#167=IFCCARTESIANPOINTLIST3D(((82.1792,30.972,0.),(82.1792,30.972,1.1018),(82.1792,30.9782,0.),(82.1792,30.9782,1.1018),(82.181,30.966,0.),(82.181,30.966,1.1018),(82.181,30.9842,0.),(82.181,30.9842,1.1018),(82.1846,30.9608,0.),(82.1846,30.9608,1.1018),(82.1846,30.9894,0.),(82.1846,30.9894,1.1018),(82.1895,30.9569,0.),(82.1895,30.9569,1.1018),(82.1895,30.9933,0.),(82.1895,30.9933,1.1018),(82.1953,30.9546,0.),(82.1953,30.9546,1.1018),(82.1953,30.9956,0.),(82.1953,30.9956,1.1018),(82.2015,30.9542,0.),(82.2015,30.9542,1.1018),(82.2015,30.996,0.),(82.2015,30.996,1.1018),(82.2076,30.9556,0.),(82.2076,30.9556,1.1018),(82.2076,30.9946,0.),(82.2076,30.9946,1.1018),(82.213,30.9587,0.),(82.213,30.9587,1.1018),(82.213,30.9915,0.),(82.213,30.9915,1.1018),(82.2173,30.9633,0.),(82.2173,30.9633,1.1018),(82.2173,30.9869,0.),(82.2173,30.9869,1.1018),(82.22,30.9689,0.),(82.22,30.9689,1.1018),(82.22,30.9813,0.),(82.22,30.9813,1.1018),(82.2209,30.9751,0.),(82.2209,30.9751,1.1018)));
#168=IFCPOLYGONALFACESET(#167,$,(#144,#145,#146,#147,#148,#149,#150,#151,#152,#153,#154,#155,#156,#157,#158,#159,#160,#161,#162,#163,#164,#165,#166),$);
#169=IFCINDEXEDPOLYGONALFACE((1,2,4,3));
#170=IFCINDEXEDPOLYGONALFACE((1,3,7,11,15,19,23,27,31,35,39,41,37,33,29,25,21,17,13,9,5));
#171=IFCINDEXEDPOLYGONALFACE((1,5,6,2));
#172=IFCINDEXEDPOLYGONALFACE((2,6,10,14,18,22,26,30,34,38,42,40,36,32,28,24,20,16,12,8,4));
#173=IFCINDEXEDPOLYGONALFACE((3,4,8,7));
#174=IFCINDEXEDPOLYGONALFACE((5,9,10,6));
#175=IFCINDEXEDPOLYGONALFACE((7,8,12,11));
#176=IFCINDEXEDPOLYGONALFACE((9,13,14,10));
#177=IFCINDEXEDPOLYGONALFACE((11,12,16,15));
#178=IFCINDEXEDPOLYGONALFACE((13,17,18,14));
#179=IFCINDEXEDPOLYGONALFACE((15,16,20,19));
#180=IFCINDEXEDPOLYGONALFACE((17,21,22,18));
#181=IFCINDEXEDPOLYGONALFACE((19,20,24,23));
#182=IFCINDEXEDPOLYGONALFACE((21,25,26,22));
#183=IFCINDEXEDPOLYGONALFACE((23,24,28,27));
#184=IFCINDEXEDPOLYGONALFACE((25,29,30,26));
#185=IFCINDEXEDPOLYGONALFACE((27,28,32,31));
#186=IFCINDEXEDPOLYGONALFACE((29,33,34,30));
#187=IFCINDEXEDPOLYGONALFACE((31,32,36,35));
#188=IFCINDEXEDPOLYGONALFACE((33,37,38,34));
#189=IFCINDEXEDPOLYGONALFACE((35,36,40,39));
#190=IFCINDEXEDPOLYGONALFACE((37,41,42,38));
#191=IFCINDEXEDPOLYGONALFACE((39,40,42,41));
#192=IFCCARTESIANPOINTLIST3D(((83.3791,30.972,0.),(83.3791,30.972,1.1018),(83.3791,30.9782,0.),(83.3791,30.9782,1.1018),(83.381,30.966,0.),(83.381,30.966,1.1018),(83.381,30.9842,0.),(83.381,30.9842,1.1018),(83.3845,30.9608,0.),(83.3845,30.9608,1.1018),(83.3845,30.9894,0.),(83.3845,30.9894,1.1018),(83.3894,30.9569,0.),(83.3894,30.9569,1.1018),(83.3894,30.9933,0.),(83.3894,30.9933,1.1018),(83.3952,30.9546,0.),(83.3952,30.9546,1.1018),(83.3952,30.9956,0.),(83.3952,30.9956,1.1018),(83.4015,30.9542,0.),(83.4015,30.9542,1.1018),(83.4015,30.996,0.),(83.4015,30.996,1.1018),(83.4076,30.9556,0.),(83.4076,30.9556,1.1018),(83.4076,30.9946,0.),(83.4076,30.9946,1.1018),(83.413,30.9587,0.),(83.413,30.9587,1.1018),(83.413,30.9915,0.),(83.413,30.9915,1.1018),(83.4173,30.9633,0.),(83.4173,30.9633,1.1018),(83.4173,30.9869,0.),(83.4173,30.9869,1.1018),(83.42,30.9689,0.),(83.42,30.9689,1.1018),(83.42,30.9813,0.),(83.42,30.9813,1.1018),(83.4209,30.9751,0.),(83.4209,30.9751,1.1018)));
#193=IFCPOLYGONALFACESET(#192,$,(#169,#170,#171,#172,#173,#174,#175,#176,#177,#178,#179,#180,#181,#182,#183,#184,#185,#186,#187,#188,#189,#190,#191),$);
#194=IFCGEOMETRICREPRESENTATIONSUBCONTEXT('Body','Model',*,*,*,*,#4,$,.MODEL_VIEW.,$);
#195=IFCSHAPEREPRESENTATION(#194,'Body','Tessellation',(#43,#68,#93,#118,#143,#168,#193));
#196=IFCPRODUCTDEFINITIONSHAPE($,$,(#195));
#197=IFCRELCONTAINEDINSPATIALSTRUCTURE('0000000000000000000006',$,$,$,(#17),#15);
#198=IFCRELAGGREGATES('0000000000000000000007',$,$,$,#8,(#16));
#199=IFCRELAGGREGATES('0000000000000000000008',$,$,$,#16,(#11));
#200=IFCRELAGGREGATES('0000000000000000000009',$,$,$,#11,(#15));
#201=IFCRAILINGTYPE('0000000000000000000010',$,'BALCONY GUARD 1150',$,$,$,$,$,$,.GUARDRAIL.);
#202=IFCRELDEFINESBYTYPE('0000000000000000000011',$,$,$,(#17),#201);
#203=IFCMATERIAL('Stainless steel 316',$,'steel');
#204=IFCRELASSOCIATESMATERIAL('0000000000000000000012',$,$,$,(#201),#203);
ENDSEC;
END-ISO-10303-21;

Task directions
All of the records above need to be printed again exactly as they appear.

Task answer
#167=IFCCARTESIANPOINTLIST3D(((82.1792,30.972,0.),(82.1792,30.972,1.1018),(82.1792,30.9782,0.),(82.1792,30.9782,1.1018),(82.181,30.966,0.),(82.181,30.966,1.1018),(82.181,30.9842,0.),(82.181,30.9842,1.1018),(82.1846,30.9608,0.),(82.1846,30.9608,1.1018),(82.1846,30.9894,0.),(82.1846,30.9894,1.1018),(82.1895,30.9569,0.),(82.1895,30.9569,1.1018),(82.1895,30.9933,0.),(82.1895,30.9933,1.1018),(82.1953,30.9546,0.),(82.1953,30.9546,1.1018),(82.1953,30.9956,0.),(82.1953,30.9956,1.1018),(82.2015,30.9542,0.),(82.2015,30.9542,1.1018),(82.2015,30.996,0.),(82.2015,30.996,1.1018),(82.2076,30.9556,0.),(82.2076,30.9556,1.1018),(82.2076,30.9946,0.),(82.2076,30.9946,1.1018),(82.213,30.9587,0.),(82.213,30.9587,1.1018),(82.213,30.9915,0.),(82.213,30.9915,1.1018),(82.2173,30.9633,0.),(82.2173,30.9633,1.1018),(82.2173,30.9869,0.),(82.2173,30.9869,1.1018),(82.22,30.9689,0.),(82.22,30.9689,1.1018),(82.22,30.9813,0.),(82.22,30.9813,1.1018),(82.2209,30.9751,0.),(82.2209,30.9751,1.1018)));
#168=IFCPOLYGONALFACESET(#167,$,(#144,#145,#146,#147,#148,#149,#150,#151,#152,#153,#154,#155,#156,#157,#158,#159,#160,#161,#162,#163,#164,#165,#166),$);
#169=IFCINDEXEDPOLYGONALFACE((1,2,4,3));
#170=IFCINDEXEDPOLYGONALFACE((1,3,7,11,15,19,23,27,31,35,39,41,37,33,29,25,21,17,13,9,5));
#171=IFCINDEXEDPOLYGONALFACE((1,5,6,2));
#172=IFCINDEXEDPOLYGONALFACE((2,6,10,14,18,22,26,30,34,38,42,40,36,32,28,24,20,16,12,8,4));
#173=IFCINDEXEDPOLYGONALFACE((3,4,8,7));
#174=IFCINDEXEDPOLYGONALFACE((5,9,10,6));
#175=IFCINDEXEDPOLYGONALFACE((7,8,12,11));
#176=IFCINDEXEDPOLYGONALFACE((9,13,14,10));
#177=IFCINDEXEDPOLYGONALFACE((11,12,16,15));
#178=IFCINDEXEDPOLYGONALFACE((13,17,18,14));
#179=IFCINDEXEDPOLYGONALFACE((15,16,20,19));
#180=IFCINDEXEDPOLYGONALFACE((17,21,22,18));
#181=IFCINDEXEDPOLYGONALFACE((19,20,24,23));
#182=IFCINDEXEDPOLYGONALFACE((21,25,26,22));
#183=IFCINDEXEDPOLYGONALFACE((23,24,28,27));
#184=IFCINDEXEDPOLYGONALFACE((25,29,30,26));
#185=IFCINDEXEDPOLYGONALFACE((27,28,32,31));
#186=IFCINDEXEDPOLYGONALFACE((29,33,34,30));
#187=IFCINDEXEDPOLYGONALFACE((31,32,36,35));
#188=IFCINDEXEDPOLYGONALFACE((33,37,38,34));
#189=IFCINDEXEDPOLYGONALFACE((35,36,40,39));
#190=IFCINDEXEDPOLYGONALFACE((37,41,42,38));
#191=IFCINDEXEDPOLYGONALFACE((39,40,42,41));
#192=IFCCARTESIANPOINTLIST3D(((83.3791,30.972,0.),(83.3791,30.972,1.1018),(83.3791,30.9782,0.),(83.3791,30.9782,1.1018),(83.381,30.966,0.),(83.381,30.966,1.1018),(83.381,30.9842,0.),(83.381,30.9842,1.1018),(83.3845,30.9608,0.),(83.3845,30.9608,1.1018),(83.3845,30.9894,0.),(83.3845,30.9894,1.1018),(83.3894,30.9569,0.),(83.3894,30.9569,1.1018),(83.3894,30.9933,0.),(83.3894,30.9933,1.1018),(83.3952,30.9546,0.),(83.3952,30.9546,1.1018),(83.3952,30.9956,0.),(83.3952,30.9956,1.1018),(83.4015,30.9542,0.),(83.4015,30.9542,1.1018),(83.4015,30.996,0.),(83.4015,30.996,1.1018),(83.4076,30.9556,0.),(83.4076,30.9556,1.1018),(83.4076,30.9946,0.),(83.4076,30.9946,1.1018),(83.413,30.9587,0.),(83.413,30.9587,1.1018),(83.413,30.9915,0.),(83.413,30.9915,1.1018),(83.4173,30.9633,0.),(83.4173,30.9633,1.1018),(83.4173,30.9869,0.),(83.4173,30.9869,1.1018),(83.42,30.9689,0.),(83.42,30.9689,1.1018),(83.42,30.9813,0.),(83.42,30.9813,1.1018),(83.4209,30.9751,0.),(83.4209,30.9751,1.1018)));
#193=IFCPOLYGONALFACESET(#192,$,(#169,#170,#171,#172,#173,#174,#175,#176,#177,#178,#179,#180,#181,#182,#183,#184,#185,#186,#187,#188,#189,#190,#191),$);
#194=IFCGEOMETRICREPRESENTATIONSUBCONTEXT('Body','Model',*,*,*,*,#4,$,.MODEL_VIEW.,$);
#195=IFCSHAPEREPRESENTATION(#194,'Body','Tessellation',(#43,#68,#93,#118,#143,#168,#193));
#196=IFCPRODUCTDEFINITIONSHAPE($,$,(#195));
#197=IFCRELCONTAINEDINSPATIALSTRUCTURE('0000000000000000000006',$,$,$,(#17),#15);
#198=IFCRELAGGREGATES('0000000000000000000007',$,$,$,#8,(#16));
#199=IFCRELAGGREGATES('0000000000000000000008',$,$,$,#16,(#11));
#200=IFCRELAGGREGATES('0000000000000000000009',$,$,$,#11,(#15));
#201=IFCRAILINGTYPE('0000000000000000000010',$,'BALCONY GUARD 1150',$,$,$,$,$,$,.GUARDRAIL.);
#202=IFCRELDEFINESBYTYPE('0000000000000000000011',$,$,$,(#17),#201);
#203=IFCMATERIAL('Stainless steel 316',$,'steel');
#204=IFCRELASSOCIATESMATERIAL('0000000000000000000012',$,$,$,(#201),#203);
ENDSEC;
END-ISO-10303-21;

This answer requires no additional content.